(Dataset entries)

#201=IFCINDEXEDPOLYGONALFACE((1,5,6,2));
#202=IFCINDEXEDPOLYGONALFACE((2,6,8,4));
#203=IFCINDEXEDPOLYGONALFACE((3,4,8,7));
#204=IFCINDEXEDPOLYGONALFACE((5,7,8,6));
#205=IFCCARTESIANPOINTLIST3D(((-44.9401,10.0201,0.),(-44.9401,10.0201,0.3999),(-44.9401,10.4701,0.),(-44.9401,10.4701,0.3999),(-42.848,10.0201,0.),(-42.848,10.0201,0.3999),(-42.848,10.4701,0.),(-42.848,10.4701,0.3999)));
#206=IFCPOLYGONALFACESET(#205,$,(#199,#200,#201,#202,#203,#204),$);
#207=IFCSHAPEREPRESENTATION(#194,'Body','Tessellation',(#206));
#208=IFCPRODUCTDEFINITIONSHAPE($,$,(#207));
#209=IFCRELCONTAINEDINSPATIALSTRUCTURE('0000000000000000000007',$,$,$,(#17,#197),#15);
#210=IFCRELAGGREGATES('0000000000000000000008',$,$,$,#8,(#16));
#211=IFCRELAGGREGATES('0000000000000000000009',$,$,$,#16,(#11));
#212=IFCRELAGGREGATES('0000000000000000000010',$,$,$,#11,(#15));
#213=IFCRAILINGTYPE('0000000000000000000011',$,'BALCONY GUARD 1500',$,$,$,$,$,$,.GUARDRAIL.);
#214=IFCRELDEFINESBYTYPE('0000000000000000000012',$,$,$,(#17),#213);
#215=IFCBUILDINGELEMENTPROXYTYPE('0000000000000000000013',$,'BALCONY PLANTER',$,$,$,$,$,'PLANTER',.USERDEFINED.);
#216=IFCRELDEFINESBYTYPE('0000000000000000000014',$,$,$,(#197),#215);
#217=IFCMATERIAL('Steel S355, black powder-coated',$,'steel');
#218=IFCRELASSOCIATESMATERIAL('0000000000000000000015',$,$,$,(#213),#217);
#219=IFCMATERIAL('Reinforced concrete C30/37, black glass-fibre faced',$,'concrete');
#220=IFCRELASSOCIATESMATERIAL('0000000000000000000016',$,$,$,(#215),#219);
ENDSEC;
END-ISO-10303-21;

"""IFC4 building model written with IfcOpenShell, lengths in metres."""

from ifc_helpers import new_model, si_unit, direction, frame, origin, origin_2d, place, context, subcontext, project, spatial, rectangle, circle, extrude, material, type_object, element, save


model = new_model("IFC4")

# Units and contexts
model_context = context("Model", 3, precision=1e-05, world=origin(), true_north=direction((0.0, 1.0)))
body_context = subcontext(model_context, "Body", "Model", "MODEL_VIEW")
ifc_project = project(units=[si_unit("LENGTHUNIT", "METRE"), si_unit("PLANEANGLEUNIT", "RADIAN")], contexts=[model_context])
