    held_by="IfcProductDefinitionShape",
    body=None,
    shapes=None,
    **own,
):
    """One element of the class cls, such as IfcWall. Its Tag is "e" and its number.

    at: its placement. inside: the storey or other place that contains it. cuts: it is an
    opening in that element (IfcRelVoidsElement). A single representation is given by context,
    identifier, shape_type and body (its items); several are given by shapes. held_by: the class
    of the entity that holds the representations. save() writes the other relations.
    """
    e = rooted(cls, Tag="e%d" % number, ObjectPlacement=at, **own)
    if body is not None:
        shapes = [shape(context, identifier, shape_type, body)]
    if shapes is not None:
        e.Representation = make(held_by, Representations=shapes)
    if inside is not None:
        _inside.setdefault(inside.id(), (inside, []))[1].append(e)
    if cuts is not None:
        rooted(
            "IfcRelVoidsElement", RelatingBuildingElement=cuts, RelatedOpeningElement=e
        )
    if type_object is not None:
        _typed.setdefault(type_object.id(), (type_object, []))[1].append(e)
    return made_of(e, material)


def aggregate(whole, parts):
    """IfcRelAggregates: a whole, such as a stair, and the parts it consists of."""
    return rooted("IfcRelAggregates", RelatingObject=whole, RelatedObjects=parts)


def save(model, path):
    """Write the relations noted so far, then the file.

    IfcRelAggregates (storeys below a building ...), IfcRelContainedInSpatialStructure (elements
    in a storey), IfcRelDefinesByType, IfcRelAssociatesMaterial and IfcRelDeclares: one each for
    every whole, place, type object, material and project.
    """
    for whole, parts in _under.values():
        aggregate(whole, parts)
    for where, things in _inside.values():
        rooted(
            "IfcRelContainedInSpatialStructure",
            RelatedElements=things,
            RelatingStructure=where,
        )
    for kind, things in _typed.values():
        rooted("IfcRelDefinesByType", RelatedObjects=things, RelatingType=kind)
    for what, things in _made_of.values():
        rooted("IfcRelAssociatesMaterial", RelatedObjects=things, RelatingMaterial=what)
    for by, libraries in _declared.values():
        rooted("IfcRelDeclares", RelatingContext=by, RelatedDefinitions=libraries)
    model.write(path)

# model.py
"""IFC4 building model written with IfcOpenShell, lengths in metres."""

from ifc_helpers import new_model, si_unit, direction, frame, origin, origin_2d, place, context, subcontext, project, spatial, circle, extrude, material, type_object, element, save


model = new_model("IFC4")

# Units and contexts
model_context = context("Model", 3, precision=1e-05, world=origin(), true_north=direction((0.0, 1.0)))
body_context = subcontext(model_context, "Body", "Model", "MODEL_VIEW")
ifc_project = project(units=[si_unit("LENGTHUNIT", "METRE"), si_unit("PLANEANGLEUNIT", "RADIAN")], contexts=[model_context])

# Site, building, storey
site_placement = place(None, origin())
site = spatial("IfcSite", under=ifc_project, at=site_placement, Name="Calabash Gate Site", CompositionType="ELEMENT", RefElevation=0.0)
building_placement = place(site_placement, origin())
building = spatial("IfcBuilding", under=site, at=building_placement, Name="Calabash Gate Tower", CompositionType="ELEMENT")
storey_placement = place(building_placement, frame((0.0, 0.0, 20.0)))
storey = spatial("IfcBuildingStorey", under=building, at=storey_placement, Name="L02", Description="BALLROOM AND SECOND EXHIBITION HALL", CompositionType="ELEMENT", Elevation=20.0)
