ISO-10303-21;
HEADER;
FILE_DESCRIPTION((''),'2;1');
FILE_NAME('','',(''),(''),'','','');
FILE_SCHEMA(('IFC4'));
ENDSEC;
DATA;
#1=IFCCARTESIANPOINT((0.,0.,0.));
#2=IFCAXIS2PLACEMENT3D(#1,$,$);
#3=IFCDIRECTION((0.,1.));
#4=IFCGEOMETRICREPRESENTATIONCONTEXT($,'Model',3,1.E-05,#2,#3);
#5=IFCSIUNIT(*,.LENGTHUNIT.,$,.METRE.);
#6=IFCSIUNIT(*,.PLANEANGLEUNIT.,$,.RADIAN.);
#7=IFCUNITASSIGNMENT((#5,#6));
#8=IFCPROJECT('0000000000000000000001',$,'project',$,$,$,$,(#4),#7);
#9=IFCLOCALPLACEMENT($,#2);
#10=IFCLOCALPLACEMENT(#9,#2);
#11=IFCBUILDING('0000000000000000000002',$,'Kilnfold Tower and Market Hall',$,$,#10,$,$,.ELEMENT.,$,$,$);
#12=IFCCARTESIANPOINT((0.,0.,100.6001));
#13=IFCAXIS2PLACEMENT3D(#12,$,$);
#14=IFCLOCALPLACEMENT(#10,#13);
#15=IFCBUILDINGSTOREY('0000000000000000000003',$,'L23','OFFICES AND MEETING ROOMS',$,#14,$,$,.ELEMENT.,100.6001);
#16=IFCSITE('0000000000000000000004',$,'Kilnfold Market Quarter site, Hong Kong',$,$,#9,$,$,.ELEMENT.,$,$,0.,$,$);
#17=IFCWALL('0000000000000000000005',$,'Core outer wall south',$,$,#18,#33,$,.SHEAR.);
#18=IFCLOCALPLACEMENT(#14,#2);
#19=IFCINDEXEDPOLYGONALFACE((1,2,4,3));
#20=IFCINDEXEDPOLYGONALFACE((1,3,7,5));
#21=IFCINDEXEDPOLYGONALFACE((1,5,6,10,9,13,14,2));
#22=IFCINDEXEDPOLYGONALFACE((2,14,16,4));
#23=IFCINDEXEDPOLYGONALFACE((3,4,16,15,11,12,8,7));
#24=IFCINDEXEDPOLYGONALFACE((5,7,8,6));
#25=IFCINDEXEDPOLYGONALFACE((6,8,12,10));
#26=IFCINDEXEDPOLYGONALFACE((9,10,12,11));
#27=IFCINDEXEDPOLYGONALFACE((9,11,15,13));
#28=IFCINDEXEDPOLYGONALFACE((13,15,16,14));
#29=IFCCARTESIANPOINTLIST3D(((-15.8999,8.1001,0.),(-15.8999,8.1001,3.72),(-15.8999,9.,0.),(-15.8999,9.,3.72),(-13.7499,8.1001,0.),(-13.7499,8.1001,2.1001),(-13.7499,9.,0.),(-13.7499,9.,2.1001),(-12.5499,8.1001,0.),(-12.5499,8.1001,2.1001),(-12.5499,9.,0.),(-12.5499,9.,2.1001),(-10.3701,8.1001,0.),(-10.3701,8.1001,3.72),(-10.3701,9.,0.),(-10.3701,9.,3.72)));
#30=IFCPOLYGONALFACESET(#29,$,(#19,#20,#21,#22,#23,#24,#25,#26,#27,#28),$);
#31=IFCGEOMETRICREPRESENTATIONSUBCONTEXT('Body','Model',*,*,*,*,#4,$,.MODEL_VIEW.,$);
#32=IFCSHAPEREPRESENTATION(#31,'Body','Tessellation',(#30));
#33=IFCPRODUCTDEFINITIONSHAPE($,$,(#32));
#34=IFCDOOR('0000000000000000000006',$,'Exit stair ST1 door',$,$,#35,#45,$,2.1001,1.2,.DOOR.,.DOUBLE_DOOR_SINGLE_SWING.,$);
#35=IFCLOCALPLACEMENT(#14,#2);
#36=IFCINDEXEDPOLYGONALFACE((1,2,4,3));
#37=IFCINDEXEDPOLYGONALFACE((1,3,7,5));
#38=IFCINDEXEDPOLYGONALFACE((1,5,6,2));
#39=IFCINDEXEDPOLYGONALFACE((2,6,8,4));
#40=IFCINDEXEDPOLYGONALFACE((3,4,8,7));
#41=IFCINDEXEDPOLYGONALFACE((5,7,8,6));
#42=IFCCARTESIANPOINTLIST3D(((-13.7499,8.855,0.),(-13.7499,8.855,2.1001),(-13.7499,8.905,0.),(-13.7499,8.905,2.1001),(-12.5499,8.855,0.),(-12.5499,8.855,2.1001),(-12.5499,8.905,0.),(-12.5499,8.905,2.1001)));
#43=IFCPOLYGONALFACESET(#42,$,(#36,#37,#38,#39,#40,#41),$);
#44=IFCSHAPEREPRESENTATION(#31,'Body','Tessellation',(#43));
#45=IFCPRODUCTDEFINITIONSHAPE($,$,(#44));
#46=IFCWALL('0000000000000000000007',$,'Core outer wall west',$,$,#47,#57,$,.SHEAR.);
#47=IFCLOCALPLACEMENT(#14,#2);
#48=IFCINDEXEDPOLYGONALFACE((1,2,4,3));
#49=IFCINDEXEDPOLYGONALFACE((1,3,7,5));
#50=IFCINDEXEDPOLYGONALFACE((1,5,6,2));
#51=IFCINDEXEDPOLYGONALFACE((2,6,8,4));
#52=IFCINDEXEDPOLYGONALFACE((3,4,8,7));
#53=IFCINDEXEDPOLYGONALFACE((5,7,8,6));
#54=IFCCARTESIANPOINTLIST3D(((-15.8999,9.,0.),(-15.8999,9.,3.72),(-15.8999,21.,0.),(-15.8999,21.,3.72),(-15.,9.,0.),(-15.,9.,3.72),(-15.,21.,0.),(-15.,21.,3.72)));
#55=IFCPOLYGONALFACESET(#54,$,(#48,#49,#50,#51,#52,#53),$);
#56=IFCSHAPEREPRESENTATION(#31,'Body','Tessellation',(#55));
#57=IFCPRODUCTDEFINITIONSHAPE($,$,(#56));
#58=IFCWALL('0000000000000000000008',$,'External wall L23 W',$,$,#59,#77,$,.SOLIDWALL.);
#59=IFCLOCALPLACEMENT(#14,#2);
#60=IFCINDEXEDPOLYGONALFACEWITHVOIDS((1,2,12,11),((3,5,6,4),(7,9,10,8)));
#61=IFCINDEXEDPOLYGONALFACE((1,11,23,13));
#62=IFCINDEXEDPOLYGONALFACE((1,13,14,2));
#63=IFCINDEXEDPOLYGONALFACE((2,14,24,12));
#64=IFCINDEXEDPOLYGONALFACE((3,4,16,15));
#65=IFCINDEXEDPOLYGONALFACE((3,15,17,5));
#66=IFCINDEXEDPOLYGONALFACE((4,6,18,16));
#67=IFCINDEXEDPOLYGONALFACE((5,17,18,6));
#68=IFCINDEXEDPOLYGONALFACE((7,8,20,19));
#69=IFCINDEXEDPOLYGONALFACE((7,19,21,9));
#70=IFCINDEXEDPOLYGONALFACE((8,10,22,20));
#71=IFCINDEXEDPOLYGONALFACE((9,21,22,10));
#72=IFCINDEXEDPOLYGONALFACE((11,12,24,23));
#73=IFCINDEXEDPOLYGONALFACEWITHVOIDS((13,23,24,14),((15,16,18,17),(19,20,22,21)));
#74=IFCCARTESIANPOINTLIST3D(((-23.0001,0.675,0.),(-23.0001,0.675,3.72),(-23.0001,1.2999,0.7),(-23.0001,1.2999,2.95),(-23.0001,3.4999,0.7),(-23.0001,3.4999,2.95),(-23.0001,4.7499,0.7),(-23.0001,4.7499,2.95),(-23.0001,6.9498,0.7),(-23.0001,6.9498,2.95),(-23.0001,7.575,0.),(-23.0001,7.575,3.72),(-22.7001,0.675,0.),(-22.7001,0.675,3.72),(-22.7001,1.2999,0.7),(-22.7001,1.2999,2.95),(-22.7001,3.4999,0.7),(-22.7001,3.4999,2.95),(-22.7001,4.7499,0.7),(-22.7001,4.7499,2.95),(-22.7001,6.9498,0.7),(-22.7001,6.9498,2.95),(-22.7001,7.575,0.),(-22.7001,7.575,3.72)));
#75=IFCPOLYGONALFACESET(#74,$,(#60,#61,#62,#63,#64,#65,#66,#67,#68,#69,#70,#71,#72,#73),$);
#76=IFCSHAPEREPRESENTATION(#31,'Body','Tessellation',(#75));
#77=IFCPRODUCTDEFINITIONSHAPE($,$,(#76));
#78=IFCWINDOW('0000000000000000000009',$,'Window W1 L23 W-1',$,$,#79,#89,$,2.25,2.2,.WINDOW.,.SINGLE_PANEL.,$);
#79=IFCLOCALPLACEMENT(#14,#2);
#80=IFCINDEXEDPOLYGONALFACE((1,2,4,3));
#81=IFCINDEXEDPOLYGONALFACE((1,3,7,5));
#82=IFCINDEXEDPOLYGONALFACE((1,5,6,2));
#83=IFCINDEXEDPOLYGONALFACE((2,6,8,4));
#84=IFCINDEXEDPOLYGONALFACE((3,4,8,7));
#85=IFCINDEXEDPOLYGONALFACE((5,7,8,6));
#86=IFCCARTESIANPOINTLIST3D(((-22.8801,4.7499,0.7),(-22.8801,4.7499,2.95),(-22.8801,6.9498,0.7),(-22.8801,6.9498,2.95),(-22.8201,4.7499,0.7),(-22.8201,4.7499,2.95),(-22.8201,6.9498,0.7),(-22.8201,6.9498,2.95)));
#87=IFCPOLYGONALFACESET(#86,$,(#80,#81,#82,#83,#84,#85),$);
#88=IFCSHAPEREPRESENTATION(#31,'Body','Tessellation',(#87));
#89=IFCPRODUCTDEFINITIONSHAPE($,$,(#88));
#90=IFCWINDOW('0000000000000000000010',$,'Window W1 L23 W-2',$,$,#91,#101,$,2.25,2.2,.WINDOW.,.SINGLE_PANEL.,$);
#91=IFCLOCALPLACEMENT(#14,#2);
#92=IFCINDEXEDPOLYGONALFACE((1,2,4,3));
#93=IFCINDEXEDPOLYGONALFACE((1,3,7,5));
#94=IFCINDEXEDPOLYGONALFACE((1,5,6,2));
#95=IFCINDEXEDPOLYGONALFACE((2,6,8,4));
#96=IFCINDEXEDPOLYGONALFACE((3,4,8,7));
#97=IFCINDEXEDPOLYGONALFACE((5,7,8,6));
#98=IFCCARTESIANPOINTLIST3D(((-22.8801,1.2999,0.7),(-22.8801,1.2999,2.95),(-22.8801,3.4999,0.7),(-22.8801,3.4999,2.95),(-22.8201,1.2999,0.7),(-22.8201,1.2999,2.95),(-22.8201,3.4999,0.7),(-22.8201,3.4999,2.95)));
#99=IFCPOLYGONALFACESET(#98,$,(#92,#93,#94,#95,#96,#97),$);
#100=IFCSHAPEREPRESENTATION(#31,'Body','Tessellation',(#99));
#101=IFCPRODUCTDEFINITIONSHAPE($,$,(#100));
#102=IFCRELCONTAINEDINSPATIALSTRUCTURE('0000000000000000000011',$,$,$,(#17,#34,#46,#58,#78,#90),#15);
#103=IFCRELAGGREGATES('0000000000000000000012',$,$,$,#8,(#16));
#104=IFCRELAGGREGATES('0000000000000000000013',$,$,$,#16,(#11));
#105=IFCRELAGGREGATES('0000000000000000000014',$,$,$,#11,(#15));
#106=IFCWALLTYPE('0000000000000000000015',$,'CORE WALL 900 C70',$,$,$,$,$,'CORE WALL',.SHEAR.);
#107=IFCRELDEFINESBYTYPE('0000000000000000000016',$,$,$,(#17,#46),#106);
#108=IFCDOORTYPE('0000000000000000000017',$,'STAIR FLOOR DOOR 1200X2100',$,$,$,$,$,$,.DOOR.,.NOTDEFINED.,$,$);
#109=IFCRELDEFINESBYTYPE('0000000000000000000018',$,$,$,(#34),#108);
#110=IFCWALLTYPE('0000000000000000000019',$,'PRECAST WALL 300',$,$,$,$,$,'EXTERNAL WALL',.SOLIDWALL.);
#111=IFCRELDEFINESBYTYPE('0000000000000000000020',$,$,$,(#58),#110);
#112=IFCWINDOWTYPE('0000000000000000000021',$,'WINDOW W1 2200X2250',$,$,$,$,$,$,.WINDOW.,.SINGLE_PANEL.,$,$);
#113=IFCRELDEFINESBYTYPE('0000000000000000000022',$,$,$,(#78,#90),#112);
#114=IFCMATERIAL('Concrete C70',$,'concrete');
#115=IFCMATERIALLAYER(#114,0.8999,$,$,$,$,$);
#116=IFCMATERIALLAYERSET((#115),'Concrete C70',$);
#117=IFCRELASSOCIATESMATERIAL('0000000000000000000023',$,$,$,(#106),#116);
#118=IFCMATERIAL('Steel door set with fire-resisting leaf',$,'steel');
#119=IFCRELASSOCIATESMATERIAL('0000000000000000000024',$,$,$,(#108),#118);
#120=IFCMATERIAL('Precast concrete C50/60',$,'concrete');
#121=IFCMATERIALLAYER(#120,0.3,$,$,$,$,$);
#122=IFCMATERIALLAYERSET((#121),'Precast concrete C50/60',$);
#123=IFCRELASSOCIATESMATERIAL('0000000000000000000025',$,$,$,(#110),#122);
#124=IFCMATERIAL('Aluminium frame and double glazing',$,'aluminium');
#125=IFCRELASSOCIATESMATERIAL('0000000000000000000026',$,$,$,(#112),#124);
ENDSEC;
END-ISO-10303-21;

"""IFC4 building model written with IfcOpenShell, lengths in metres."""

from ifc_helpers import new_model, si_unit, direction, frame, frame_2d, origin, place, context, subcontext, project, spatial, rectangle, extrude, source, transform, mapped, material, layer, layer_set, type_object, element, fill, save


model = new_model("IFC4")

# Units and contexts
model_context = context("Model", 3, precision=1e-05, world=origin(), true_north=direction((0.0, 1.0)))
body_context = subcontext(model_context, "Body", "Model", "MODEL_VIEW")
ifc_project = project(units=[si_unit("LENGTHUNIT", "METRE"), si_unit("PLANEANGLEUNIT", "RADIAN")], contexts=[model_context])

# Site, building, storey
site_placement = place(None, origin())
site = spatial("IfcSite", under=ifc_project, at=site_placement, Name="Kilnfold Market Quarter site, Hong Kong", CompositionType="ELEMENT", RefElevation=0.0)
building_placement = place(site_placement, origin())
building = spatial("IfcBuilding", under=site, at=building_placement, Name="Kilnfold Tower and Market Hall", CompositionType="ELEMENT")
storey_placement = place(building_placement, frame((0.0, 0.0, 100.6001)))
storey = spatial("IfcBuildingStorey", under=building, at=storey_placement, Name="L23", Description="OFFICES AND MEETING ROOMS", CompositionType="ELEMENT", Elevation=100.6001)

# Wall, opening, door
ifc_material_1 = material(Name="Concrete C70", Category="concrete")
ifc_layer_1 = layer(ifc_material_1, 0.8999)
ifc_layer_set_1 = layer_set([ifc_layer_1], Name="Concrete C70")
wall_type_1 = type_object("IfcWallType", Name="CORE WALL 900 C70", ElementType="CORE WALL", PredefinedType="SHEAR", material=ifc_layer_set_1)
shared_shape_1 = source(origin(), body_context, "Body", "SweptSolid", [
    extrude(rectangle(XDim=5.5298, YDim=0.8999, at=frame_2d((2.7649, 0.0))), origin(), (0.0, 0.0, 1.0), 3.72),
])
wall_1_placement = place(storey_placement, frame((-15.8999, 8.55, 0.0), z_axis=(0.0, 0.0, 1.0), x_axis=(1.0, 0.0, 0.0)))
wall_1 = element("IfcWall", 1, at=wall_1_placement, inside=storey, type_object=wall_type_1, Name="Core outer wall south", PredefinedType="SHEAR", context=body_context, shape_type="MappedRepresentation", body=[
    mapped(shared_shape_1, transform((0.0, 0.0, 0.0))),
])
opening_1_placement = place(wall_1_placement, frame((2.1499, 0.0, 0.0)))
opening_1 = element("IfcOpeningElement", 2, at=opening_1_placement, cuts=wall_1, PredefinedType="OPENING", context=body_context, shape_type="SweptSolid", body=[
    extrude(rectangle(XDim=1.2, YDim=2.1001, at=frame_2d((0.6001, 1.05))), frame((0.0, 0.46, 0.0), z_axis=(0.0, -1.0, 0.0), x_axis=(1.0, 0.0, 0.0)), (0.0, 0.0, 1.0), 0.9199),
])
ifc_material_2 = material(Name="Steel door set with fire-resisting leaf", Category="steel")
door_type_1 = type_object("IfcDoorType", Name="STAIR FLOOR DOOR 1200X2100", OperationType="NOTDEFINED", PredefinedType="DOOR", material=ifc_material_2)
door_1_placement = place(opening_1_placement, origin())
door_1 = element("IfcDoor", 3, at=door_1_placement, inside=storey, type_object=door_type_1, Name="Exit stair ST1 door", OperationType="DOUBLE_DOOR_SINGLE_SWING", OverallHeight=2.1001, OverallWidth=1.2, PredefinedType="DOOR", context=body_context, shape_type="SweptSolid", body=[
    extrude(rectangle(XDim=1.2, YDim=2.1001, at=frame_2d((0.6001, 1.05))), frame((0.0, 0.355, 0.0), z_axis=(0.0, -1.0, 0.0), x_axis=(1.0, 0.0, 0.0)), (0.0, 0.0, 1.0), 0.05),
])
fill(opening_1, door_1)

---

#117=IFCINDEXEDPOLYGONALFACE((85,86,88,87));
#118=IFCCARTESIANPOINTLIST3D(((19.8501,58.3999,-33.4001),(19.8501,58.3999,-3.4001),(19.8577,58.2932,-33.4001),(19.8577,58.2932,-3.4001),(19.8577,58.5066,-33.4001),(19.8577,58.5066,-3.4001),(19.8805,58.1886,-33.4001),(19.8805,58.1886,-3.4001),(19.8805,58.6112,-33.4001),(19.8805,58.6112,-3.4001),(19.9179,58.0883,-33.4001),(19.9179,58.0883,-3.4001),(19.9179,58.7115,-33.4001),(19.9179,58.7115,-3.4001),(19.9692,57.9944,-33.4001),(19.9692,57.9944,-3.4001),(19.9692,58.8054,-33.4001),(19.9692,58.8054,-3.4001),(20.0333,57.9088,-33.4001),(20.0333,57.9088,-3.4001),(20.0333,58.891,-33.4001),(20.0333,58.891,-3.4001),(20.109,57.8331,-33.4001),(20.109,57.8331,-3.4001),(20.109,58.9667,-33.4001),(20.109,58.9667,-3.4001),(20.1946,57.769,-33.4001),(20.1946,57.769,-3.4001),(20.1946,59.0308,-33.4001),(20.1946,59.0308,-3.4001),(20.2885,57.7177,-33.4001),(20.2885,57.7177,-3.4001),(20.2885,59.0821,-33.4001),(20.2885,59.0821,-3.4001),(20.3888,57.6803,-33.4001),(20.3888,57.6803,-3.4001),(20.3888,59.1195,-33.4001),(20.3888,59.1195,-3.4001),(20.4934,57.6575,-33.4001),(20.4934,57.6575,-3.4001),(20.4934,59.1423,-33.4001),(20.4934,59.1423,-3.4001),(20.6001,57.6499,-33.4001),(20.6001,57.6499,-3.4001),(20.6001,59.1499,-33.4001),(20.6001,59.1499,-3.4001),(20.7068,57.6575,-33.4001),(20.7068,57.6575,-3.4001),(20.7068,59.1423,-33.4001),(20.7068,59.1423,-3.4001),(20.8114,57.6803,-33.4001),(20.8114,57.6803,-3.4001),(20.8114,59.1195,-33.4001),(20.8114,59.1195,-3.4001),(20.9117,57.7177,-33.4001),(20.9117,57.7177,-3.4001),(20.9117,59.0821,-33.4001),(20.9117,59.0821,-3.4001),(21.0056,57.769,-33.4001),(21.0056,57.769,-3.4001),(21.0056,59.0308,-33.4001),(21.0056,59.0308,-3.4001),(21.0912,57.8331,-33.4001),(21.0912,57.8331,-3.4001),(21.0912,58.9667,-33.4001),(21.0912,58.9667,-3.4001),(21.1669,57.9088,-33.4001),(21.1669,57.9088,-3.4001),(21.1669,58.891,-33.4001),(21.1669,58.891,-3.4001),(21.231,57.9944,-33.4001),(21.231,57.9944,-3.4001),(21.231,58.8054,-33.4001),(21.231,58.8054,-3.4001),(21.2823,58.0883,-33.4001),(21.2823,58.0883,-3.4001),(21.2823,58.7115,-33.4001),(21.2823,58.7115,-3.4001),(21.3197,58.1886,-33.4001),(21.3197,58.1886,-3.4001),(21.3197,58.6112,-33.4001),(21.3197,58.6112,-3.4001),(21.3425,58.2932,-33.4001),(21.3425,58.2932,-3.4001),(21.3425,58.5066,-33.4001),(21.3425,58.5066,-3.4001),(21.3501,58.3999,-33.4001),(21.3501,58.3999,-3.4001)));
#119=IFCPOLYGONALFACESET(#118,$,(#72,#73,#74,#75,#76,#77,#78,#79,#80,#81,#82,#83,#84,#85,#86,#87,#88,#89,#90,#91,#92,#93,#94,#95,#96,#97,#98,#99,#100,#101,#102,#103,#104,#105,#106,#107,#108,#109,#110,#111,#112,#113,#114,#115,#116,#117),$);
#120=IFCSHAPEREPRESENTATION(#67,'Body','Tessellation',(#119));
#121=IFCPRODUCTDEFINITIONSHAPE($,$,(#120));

== REQUIRED WORK ==
Report each line in the data above that holds the word "IfcRelVoidsElement" by copying it.

== COMPLETED TASK ==
    opening in that element (IfcRelVoidsElement). A single representation is given by context,
            "IfcRelVoidsElement", RelatingBuildingElement=cuts, RelatedOpeningElement=e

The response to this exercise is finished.